→ **Activity**
Taking the line with "#189=IFCINDEXEDPOLYGONALFACE((2,6,8,4));" as the first and the line with "#191=IFCINDEXEDPOLYGONALFACE((5,7,8,6));" as the last, set down exactly every line in that range from the entries below, and no more.
◆ ◆ ◆ ◆
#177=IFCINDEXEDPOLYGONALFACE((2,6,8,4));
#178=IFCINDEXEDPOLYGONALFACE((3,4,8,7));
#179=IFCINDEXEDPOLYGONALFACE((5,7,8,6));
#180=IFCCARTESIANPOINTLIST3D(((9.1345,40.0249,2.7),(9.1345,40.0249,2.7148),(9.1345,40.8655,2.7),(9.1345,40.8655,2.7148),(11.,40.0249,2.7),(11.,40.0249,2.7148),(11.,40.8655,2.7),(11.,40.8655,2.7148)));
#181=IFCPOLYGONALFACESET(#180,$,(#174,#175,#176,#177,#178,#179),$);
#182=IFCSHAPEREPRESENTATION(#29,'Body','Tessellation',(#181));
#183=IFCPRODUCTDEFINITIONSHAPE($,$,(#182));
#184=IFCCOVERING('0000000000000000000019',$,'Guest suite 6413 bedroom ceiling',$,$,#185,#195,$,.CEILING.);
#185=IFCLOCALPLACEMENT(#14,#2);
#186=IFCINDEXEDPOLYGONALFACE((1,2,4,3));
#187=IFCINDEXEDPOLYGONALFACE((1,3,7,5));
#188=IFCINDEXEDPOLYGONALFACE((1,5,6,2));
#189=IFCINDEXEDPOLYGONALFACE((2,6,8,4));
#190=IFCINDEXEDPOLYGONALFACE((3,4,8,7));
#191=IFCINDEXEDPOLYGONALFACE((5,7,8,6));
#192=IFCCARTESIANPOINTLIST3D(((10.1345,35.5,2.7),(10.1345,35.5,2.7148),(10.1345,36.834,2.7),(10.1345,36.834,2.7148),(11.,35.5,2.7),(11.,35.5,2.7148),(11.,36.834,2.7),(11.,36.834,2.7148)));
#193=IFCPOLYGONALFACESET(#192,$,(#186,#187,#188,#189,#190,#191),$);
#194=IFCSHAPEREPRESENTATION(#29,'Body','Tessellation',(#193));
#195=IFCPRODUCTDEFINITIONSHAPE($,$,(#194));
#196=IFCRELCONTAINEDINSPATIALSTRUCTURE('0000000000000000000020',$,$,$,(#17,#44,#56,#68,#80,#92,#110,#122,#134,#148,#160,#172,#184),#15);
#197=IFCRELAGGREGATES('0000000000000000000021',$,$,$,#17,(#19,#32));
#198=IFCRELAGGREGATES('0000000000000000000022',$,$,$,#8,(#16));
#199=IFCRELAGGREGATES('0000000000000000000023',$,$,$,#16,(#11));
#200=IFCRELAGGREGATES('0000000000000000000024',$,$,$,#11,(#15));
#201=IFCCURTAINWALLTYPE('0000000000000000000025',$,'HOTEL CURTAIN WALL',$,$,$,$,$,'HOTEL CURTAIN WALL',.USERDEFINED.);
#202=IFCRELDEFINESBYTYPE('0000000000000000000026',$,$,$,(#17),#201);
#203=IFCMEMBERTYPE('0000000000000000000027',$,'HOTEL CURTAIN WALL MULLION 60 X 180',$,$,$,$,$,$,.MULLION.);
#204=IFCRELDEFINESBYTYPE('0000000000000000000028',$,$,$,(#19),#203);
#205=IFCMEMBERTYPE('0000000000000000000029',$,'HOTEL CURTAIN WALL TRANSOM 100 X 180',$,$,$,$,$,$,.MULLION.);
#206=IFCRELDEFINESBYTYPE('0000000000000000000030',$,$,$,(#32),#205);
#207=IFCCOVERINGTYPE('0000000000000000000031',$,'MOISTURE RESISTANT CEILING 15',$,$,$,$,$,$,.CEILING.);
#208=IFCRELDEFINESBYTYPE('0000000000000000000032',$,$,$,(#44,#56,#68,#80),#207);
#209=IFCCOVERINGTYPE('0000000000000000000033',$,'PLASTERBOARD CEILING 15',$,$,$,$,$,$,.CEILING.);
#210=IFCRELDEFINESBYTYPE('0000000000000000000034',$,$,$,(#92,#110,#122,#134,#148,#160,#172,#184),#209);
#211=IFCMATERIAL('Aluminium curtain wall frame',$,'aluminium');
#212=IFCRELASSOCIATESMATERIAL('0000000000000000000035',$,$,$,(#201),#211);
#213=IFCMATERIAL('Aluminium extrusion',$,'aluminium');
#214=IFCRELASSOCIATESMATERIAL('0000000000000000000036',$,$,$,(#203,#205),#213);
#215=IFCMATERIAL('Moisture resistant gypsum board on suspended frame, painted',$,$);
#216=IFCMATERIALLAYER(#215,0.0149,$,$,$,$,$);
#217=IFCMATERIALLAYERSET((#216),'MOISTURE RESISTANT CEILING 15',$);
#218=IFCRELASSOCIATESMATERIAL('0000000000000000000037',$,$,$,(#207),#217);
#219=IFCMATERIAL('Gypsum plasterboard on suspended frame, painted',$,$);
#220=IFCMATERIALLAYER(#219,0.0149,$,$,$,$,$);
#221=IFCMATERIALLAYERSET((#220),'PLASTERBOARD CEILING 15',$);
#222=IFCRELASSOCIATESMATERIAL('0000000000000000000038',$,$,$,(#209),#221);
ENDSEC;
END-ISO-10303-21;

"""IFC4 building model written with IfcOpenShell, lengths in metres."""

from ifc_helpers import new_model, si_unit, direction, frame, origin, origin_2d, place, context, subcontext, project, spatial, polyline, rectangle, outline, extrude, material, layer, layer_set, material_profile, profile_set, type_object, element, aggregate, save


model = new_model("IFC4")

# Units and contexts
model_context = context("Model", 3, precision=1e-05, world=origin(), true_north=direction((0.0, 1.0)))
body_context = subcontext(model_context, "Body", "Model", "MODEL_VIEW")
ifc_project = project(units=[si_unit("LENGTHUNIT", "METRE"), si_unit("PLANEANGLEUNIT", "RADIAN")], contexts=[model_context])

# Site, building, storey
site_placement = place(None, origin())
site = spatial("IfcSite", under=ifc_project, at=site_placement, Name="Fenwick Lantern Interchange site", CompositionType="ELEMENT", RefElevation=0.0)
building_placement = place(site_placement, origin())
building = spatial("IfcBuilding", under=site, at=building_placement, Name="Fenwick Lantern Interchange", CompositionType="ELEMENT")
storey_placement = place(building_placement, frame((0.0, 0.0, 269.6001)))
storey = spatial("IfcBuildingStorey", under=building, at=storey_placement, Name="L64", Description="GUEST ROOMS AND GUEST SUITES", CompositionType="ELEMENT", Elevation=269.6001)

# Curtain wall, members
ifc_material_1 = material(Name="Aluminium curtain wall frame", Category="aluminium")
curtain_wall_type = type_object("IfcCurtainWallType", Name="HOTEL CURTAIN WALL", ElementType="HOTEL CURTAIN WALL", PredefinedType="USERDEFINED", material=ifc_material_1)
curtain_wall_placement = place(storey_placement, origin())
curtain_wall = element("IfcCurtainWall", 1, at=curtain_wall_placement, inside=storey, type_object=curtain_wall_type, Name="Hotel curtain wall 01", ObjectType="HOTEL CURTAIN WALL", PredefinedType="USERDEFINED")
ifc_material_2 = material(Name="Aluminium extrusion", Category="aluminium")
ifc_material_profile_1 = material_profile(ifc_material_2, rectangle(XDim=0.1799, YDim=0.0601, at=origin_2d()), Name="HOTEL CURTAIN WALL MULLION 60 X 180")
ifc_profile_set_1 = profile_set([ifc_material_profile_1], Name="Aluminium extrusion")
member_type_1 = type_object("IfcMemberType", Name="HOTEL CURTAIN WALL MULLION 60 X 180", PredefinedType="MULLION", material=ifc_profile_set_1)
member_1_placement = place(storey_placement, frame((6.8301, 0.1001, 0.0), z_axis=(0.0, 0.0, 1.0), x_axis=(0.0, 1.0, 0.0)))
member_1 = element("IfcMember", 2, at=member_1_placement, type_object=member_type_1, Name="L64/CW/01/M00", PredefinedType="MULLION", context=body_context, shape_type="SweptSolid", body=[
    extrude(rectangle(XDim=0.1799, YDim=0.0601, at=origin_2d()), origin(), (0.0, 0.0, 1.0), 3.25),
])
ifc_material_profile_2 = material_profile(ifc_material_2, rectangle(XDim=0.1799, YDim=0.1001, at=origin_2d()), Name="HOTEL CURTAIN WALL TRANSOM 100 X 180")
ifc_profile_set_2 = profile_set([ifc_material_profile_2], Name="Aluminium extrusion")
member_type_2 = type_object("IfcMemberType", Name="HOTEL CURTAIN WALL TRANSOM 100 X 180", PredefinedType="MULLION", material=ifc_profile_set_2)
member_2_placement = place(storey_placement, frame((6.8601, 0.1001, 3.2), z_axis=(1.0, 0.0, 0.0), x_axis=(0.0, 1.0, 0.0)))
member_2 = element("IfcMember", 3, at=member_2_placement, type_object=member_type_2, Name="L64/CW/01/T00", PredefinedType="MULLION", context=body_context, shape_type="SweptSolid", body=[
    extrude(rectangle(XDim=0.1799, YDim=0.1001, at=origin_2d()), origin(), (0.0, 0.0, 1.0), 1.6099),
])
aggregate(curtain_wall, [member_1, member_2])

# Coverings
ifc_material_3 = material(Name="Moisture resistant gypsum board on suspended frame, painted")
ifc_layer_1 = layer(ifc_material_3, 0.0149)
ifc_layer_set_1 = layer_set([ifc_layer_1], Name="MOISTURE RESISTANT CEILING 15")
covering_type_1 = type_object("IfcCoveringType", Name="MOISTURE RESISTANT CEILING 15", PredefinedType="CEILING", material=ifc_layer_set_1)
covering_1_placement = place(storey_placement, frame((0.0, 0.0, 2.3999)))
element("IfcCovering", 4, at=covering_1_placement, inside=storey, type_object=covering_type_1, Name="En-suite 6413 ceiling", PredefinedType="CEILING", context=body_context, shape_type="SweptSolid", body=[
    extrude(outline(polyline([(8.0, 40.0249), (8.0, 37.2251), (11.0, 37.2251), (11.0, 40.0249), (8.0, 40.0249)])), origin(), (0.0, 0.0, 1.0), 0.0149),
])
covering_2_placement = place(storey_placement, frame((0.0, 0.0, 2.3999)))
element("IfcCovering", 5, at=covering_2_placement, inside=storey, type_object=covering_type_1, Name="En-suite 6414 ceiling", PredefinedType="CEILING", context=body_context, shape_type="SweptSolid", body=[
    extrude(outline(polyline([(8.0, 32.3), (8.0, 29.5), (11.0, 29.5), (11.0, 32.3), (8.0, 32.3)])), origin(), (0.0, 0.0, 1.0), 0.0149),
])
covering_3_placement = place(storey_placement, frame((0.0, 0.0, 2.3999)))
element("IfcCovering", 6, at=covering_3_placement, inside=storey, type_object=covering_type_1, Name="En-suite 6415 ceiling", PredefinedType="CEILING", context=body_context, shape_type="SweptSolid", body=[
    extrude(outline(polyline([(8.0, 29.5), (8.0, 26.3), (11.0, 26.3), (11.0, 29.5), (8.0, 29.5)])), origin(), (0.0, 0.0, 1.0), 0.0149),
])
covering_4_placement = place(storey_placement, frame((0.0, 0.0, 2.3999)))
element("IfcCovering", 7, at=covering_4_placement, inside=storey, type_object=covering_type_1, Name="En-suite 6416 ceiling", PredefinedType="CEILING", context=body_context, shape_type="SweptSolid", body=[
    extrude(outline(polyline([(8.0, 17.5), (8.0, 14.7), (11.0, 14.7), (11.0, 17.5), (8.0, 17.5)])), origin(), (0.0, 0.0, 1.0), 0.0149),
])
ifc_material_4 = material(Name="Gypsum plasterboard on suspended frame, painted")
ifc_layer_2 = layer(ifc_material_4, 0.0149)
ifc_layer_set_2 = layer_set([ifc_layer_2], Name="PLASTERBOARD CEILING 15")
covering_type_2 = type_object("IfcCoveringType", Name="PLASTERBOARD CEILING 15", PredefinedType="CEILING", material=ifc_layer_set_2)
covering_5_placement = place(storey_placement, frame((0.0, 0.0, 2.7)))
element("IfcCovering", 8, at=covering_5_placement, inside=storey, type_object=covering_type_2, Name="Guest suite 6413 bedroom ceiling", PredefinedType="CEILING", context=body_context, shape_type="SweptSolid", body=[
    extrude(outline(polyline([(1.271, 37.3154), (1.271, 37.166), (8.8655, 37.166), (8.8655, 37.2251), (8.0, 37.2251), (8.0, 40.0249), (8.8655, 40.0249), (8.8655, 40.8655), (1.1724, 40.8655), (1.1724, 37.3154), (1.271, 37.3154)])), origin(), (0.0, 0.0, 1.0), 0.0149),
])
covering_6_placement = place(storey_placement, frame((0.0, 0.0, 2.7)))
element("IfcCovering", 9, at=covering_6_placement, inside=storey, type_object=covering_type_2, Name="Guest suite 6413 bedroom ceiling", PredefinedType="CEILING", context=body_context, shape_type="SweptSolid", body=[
◆ ◆ ◆ ◆
→ **Answer**
#189=IFCINDEXEDPOLYGONALFACE((2,6,8,4));
#190=IFCINDEXEDPOLYGONALFACE((3,4,8,7));
#191=IFCINDEXEDPOLYGONALFACE((5,7,8,6));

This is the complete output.